• [EXERCISE INSTRUCTIONS]:
Using the data below, copy each line that includes the word "IFCLOCALPLACEMENT".

Start of DATA SUPPLIED

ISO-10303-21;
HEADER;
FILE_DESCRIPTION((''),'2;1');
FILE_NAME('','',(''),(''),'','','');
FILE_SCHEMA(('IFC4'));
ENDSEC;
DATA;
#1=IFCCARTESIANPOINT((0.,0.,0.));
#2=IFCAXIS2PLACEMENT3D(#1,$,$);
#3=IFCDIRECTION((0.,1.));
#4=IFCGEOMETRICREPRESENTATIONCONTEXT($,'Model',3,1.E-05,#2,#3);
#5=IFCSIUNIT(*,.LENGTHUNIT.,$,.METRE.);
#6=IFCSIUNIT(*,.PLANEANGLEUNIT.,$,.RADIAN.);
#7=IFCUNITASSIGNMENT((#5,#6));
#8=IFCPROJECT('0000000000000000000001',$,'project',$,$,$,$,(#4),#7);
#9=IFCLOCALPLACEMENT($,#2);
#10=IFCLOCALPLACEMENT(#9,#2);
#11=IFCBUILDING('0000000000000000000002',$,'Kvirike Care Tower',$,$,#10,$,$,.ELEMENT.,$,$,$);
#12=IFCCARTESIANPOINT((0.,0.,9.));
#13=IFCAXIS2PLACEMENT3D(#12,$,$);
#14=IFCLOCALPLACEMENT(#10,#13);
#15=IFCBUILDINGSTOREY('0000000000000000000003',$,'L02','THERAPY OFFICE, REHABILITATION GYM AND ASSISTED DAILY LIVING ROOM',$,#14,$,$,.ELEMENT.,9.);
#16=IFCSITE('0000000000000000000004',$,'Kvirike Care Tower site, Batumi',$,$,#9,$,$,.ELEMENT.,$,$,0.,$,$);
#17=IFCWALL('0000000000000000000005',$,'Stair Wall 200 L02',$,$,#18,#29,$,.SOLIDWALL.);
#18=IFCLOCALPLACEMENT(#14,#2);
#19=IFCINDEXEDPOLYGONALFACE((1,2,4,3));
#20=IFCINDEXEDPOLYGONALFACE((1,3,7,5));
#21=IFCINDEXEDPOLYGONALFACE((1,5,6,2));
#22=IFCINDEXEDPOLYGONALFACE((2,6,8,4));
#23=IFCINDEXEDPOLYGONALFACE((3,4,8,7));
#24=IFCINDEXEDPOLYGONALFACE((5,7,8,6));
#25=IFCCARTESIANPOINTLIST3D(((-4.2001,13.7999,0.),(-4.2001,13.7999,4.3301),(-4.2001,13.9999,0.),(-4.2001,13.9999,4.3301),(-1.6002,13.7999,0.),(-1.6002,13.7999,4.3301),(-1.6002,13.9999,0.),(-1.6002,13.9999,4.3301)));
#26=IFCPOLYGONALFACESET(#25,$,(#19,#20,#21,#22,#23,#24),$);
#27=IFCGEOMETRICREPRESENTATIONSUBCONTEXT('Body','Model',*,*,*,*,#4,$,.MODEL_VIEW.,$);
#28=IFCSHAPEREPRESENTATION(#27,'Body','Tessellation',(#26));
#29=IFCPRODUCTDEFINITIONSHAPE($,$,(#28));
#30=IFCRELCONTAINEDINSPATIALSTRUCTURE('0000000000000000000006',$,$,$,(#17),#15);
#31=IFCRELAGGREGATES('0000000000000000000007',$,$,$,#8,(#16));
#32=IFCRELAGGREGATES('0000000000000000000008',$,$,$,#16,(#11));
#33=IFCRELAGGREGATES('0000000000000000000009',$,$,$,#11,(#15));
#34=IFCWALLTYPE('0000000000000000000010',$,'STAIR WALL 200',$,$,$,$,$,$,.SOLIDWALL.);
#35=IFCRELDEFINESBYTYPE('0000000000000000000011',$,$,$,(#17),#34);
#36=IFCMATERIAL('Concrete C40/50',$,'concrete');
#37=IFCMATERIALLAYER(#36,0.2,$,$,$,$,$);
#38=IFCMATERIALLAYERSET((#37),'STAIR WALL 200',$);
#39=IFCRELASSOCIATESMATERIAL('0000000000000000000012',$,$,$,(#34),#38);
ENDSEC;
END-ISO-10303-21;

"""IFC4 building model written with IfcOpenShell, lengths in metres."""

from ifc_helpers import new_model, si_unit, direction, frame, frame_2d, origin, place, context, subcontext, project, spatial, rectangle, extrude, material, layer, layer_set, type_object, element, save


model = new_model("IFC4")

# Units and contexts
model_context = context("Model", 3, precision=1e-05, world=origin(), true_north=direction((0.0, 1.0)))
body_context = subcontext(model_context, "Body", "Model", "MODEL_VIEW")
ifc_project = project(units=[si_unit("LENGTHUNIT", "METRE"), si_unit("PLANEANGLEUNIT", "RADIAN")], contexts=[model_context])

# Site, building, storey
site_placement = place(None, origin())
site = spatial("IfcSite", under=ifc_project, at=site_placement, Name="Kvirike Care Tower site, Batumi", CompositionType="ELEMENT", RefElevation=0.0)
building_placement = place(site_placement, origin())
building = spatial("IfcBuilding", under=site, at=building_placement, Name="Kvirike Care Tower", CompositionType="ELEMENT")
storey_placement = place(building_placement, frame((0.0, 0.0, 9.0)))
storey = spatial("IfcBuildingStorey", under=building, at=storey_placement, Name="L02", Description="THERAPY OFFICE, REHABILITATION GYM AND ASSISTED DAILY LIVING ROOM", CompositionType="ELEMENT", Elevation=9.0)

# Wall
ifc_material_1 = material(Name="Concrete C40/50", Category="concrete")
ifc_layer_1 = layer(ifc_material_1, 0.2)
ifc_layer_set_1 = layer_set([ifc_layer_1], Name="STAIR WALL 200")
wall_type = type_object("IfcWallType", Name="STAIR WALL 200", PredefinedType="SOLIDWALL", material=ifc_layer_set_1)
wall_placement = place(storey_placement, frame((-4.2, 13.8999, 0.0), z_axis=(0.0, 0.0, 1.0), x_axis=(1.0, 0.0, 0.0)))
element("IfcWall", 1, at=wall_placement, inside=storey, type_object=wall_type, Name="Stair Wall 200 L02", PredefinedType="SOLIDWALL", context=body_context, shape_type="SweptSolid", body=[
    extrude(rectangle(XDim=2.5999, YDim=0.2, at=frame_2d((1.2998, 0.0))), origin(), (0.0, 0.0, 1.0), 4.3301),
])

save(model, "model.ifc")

End of DATA SUPPLIED

• [ANSWER BELOW]:
#9=IFCLOCALPLACEMENT($,#2);
#10=IFCLOCALPLACEMENT(#9,#2);
#14=IFCLOCALPLACEMENT(#10,#13);
#18=IFCLOCALPLACEMENT(#14,#2);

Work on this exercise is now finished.